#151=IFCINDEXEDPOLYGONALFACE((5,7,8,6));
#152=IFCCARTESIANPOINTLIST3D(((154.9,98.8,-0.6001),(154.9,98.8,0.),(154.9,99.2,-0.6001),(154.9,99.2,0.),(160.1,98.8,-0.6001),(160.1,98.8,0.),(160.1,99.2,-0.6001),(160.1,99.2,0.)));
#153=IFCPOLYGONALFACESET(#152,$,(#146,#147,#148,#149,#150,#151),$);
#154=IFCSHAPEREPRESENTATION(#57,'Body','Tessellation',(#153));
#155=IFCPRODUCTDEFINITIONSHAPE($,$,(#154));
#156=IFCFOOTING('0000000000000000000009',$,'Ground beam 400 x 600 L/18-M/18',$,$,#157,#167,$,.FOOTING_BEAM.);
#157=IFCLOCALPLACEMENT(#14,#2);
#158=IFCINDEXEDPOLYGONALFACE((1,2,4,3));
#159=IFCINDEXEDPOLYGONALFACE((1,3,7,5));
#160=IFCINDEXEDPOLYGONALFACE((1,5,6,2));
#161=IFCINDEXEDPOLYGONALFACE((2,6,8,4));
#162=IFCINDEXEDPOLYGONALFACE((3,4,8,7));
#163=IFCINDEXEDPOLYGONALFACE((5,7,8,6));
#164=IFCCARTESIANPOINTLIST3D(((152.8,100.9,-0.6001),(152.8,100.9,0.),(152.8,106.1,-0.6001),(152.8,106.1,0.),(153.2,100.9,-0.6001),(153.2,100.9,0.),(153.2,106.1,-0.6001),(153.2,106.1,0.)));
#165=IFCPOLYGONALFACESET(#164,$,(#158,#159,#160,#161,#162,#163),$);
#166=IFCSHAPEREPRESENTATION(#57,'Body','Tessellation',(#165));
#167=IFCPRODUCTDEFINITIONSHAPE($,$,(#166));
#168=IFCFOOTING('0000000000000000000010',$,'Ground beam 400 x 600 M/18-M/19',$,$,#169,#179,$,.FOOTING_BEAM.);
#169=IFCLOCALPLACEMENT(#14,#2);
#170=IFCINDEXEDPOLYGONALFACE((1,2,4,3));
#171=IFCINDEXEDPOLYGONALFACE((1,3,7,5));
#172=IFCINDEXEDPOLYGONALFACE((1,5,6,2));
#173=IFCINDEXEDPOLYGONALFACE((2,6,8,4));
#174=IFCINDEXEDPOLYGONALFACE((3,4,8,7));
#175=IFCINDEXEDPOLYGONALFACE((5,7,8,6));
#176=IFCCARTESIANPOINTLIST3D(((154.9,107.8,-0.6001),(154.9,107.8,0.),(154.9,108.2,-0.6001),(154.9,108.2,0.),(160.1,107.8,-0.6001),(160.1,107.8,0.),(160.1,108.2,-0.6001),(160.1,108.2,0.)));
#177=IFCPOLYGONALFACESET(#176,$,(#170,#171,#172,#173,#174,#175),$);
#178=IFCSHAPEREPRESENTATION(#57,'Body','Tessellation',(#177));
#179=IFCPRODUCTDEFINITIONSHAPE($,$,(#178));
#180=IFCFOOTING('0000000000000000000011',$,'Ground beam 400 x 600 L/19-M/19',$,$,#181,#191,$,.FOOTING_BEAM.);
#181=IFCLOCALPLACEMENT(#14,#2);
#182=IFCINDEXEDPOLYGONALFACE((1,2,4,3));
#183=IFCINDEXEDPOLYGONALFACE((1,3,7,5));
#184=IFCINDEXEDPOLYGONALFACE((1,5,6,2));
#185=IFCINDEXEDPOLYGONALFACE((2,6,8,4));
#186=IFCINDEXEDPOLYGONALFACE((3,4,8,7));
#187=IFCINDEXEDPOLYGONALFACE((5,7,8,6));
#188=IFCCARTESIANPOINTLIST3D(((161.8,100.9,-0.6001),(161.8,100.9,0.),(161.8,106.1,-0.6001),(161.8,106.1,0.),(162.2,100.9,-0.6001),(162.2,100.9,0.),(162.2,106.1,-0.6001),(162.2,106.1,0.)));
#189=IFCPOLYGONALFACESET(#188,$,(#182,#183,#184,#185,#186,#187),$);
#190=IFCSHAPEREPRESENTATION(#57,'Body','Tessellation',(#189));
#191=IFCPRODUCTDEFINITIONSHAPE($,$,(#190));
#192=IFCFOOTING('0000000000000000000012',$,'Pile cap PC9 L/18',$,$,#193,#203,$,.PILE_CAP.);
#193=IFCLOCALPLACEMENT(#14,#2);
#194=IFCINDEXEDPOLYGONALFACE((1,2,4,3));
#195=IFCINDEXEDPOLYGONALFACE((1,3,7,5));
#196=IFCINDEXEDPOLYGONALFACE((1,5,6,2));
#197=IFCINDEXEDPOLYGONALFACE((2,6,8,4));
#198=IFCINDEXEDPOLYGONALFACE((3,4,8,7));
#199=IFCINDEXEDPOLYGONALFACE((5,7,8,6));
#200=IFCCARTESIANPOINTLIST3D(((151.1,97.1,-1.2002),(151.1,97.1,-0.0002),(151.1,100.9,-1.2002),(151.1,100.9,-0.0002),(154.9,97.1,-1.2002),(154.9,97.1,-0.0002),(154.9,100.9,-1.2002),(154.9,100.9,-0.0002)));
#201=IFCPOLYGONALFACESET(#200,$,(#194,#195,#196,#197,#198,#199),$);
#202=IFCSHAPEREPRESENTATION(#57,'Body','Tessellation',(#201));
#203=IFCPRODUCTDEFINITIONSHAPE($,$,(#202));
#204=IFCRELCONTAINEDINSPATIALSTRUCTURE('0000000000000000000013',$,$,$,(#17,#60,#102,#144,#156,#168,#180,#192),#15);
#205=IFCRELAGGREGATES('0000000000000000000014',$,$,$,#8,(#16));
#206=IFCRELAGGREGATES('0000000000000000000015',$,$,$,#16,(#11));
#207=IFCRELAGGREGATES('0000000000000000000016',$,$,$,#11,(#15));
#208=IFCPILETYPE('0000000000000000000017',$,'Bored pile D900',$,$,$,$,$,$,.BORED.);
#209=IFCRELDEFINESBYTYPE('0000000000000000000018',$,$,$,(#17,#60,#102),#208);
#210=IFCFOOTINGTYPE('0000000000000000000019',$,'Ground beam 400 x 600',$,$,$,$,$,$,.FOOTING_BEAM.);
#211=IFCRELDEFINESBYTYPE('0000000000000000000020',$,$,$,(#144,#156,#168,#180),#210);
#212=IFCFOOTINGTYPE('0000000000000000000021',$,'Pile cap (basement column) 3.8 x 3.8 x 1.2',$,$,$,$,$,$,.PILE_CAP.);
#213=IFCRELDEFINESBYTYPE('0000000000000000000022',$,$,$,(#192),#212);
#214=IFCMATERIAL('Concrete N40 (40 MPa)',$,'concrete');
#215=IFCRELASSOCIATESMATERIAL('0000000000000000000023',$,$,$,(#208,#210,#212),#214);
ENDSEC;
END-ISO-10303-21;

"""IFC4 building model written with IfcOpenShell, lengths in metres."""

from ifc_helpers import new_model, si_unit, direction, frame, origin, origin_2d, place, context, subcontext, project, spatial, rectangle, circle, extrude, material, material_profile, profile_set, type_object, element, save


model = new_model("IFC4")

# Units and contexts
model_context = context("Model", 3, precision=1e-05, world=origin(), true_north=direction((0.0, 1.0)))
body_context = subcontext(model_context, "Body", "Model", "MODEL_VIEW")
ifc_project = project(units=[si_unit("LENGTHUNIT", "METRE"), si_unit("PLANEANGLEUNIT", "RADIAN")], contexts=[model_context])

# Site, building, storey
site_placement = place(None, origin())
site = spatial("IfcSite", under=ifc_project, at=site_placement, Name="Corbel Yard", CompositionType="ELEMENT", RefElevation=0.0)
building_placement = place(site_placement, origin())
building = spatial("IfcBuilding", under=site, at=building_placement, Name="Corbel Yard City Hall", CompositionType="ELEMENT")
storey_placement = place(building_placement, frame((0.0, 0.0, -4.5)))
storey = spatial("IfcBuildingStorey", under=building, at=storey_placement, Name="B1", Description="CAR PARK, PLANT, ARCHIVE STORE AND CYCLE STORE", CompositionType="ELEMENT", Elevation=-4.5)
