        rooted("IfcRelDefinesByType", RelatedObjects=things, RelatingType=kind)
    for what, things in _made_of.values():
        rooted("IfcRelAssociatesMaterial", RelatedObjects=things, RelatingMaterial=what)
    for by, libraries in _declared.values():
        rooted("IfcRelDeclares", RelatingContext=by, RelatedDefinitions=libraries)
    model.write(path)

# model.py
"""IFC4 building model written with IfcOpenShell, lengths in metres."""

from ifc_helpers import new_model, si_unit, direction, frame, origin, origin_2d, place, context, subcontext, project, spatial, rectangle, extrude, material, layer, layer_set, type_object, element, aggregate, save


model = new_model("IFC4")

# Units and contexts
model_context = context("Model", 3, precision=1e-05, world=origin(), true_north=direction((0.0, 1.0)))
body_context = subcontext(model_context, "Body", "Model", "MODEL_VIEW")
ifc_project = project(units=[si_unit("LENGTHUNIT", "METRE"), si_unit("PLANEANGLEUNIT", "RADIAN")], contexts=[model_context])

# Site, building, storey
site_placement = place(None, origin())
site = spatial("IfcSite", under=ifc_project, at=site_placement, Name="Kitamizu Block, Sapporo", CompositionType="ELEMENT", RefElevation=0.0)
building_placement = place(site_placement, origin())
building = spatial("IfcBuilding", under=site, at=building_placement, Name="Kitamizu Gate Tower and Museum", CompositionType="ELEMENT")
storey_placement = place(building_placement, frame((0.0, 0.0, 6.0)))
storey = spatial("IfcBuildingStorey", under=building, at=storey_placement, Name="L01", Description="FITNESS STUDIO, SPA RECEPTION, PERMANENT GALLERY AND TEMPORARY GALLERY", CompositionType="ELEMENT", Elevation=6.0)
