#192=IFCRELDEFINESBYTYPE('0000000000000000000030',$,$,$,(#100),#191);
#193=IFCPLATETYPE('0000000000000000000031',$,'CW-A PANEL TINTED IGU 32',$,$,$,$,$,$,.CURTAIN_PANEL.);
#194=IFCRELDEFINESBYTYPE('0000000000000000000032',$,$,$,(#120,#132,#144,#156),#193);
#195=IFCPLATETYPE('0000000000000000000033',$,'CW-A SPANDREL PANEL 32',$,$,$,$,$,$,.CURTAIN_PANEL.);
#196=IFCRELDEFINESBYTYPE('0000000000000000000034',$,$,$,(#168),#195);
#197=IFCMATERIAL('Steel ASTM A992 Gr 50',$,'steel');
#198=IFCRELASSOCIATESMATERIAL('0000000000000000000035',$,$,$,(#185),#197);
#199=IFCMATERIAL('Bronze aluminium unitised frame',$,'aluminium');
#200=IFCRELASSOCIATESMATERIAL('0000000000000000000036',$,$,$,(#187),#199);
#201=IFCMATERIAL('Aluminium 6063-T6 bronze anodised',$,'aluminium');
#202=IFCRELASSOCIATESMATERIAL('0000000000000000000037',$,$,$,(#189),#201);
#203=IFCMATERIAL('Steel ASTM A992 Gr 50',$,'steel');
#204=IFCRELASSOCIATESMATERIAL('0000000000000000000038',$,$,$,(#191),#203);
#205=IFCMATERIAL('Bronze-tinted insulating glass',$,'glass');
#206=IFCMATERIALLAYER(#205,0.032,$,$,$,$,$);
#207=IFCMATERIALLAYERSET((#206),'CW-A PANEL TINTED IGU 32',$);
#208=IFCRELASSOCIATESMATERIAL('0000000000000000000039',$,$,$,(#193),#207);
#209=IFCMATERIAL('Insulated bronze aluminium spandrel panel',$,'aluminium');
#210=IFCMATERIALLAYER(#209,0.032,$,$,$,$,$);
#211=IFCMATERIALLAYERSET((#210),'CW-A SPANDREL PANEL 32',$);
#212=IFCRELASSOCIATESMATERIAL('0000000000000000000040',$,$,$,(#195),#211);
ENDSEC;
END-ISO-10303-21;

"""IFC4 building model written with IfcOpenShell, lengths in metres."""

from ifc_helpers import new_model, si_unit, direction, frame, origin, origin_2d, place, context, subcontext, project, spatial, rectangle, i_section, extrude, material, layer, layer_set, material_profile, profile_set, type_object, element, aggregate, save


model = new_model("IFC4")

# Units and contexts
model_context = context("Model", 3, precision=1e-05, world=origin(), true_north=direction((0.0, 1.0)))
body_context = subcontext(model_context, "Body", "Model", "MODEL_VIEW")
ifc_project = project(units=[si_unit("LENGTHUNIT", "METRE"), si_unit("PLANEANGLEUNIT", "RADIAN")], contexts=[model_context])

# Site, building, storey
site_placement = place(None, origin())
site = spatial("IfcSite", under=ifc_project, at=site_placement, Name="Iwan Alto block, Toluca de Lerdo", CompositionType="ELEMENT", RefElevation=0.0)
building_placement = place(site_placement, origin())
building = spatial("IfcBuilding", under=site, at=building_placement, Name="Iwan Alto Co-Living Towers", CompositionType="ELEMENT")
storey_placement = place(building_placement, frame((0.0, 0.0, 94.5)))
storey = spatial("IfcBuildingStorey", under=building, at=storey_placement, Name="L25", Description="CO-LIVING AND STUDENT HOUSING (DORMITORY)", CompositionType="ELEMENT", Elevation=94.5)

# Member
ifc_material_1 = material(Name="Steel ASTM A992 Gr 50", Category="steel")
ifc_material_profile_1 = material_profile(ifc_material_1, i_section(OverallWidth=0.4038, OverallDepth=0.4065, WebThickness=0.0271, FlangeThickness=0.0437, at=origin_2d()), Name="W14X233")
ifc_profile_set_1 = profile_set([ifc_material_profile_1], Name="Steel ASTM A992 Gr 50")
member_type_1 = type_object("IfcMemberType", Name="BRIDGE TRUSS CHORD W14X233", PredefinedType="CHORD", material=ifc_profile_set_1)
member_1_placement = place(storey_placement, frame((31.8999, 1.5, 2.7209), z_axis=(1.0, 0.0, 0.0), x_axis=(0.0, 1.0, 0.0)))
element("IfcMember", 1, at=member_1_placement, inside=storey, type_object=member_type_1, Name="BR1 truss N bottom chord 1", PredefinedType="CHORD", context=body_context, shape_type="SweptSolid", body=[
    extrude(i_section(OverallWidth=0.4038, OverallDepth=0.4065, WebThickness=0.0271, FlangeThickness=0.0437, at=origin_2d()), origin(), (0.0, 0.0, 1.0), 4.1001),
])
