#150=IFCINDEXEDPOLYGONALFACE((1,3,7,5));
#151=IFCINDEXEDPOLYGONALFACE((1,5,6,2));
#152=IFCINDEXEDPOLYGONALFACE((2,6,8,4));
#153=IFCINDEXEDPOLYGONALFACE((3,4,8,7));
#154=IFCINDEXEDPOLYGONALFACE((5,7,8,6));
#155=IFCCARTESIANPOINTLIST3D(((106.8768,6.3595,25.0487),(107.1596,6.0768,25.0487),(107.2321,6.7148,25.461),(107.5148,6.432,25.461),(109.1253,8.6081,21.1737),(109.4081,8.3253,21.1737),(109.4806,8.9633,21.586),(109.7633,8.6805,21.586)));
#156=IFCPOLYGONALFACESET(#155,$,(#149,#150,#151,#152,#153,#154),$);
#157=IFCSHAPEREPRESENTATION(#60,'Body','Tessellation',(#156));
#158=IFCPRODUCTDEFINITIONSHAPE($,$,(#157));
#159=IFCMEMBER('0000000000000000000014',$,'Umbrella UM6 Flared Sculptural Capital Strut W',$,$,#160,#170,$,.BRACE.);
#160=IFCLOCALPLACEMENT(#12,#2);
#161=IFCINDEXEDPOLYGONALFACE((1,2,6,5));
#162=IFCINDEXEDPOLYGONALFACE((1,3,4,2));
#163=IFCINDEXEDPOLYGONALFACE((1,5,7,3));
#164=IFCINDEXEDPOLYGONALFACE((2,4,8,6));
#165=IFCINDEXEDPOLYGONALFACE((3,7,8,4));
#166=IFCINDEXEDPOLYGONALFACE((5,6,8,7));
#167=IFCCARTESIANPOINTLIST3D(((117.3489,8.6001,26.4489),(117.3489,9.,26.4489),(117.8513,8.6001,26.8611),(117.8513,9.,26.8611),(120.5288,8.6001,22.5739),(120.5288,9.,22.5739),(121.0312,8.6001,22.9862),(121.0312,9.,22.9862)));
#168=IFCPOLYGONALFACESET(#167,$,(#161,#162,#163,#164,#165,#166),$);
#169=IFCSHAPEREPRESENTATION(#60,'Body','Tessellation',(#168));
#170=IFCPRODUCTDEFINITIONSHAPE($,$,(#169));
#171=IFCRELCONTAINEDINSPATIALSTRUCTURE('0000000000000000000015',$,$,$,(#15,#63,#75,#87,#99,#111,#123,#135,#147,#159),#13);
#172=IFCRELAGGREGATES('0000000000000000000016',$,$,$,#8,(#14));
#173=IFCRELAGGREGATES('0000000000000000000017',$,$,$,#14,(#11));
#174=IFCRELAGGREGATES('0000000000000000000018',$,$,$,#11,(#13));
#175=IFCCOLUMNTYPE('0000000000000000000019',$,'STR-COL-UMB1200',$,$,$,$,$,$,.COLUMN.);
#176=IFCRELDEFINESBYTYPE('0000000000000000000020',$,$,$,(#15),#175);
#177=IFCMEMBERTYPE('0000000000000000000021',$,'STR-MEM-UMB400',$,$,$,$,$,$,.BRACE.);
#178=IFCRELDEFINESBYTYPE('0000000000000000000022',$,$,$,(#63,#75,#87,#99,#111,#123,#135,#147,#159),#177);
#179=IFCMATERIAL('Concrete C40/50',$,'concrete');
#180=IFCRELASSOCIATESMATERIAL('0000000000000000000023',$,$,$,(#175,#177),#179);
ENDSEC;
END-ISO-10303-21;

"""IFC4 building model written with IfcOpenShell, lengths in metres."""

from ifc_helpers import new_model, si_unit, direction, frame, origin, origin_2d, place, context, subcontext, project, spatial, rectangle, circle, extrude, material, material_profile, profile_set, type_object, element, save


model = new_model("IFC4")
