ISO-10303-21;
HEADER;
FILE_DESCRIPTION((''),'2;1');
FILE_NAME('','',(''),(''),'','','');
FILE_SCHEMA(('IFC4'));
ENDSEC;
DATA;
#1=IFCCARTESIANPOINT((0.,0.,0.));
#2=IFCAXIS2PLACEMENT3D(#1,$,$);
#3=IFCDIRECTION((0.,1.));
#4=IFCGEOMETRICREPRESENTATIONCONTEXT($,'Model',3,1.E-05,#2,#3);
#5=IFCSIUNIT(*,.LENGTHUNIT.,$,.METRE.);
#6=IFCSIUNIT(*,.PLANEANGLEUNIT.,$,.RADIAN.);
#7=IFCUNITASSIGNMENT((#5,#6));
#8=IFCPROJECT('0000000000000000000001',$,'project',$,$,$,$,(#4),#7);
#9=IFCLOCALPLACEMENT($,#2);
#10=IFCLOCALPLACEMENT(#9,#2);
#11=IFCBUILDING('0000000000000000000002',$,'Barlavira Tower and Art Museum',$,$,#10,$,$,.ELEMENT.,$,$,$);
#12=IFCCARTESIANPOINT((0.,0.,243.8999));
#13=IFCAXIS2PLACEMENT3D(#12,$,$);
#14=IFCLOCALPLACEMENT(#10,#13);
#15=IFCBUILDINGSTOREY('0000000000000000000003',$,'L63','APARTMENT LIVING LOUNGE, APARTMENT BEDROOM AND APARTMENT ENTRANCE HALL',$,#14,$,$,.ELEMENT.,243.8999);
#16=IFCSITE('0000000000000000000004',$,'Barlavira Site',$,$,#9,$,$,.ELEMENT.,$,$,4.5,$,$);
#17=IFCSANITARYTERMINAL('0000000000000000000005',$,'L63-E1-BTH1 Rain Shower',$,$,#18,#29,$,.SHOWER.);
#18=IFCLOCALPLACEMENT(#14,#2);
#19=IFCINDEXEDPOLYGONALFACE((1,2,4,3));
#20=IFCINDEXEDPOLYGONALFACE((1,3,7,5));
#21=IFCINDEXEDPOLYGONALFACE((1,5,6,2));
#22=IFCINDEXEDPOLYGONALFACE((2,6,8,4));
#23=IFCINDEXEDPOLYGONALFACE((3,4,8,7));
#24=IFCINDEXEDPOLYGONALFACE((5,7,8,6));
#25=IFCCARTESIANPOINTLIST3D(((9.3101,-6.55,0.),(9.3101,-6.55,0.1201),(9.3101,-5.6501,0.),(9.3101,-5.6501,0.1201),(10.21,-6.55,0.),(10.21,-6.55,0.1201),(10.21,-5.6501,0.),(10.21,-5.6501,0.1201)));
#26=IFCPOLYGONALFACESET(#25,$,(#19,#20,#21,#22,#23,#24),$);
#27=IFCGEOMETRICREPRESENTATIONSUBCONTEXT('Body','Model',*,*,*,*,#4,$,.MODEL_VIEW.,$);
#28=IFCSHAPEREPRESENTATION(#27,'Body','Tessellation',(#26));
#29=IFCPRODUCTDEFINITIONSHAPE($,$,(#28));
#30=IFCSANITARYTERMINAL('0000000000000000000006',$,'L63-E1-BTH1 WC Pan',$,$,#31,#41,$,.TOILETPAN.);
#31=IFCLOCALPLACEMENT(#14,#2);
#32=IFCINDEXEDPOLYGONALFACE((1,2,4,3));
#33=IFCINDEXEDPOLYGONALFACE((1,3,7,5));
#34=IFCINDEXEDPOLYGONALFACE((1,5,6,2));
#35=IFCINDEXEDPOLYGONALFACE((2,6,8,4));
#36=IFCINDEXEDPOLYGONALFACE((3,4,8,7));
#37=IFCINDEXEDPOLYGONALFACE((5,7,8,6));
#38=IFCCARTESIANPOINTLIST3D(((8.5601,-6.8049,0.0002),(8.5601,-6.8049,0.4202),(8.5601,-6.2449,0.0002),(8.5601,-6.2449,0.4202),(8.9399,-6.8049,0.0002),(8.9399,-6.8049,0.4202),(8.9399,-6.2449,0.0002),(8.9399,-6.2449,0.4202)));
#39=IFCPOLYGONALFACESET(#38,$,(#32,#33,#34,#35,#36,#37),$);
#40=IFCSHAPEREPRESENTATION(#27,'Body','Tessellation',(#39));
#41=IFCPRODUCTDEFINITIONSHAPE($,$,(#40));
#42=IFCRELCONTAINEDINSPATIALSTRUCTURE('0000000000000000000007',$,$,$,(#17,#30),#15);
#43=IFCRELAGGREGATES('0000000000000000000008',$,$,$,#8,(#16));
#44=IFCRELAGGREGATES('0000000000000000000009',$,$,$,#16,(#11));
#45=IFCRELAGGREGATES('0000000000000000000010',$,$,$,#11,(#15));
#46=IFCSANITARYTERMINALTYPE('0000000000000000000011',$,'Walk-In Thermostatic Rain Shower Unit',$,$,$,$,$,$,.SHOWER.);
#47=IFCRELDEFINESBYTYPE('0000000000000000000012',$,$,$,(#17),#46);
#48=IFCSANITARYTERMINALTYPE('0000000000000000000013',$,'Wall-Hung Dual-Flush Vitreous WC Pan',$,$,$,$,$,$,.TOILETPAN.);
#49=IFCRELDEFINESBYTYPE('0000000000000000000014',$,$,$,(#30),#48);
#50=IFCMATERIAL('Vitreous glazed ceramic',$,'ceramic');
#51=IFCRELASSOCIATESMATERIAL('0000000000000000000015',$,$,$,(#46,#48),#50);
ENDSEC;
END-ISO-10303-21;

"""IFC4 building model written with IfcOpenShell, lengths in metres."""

from ifc_helpers import new_model, si_unit, direction, frame, origin, origin_2d, place, context, subcontext, project, spatial, rectangle, extrude, material, type_object, element, save


model = new_model("IFC4")

# Units and contexts
model_context = context("Model", 3, precision=1e-05, world=origin(), true_north=direction((0.0, 1.0)))
body_context = subcontext(model_context, "Body", "Model", "MODEL_VIEW")
ifc_project = project(units=[si_unit("LENGTHUNIT", "METRE"), si_unit("PLANEANGLEUNIT", "RADIAN")], contexts=[model_context])

# Site, building, storey
site_placement = place(None, origin())
site = spatial("IfcSite", under=ifc_project, at=site_placement, Name="Barlavira Site", CompositionType="ELEMENT", RefElevation=4.5)
building_placement = place(site_placement, origin())
building = spatial("IfcBuilding", under=site, at=building_placement, Name="Barlavira Tower and Art Museum", CompositionType="ELEMENT")
storey_placement = place(building_placement, frame((0.0, 0.0, 243.8999)))
storey = spatial("IfcBuildingStorey", under=building, at=storey_placement, Name="L63", Description="APARTMENT LIVING LOUNGE, APARTMENT BEDROOM AND APARTMENT ENTRANCE HALL", CompositionType="ELEMENT", Elevation=243.8999)

# Sanitary terminals
ifc_material_1 = material(Name="Vitreous glazed ceramic", Category="ceramic")
sanitary_terminal_type_1 = type_object("IfcSanitaryTerminalType", Name="Walk-In Thermostatic Rain Shower Unit", PredefinedType="SHOWER", material=ifc_material_1)
sanitary_terminal_1_placement = place(storey_placement, frame((9.76, -6.1001, 0.0), z_axis=(0.0, 0.0, 1.0), x_axis=(1.0, 0.0, 0.0)))
element("IfcSanitaryTerminal", 1, at=sanitary_terminal_1_placement, inside=storey, type_object=sanitary_terminal_type_1, Name="L63-E1-BTH1 Rain Shower", PredefinedType="SHOWER", context=body_context, shape_type="SweptSolid", body=[
    extrude(rectangle(XDim=0.8999, YDim=0.8999, at=origin_2d()), origin(), (0.0, 0.0, 1.0), 0.1201),
])
sanitary_terminal_type_2 = type_object("IfcSanitaryTerminalType", Name="Wall-Hung Dual-Flush Vitreous WC Pan", PredefinedType="TOILETPAN", material=ifc_material_1)
sanitary_terminal_2_placement = place(storey_placement, frame((8.75, -6.5249, 0.0002), z_axis=(0.0, 0.0, 1.0), x_axis=(1.0, 0.0, 0.0)))
element("IfcSanitaryTerminal", 2, at=sanitary_terminal_2_placement, inside=storey, type_object=sanitary_terminal_type_2, Name="L63-E1-BTH1 WC Pan", PredefinedType="TOILETPAN", context=body_context, shape_type="SweptSolid", body=[
    extrude(rectangle(XDim=0.3799, YDim=0.5601, at=origin_2d()), origin(), (0.0, 0.0, 1.0), 0.4199),
])

save(model, "model.ifc")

## Task item
Which lines of the data include the word "Concrete"? Copy each one.

## Output of the exercise
#214=IFCMATERIAL('Concrete N40 (40 MPa)',$,'concrete');
#179=IFCMATERIAL('Concrete C40/50',$,'concrete');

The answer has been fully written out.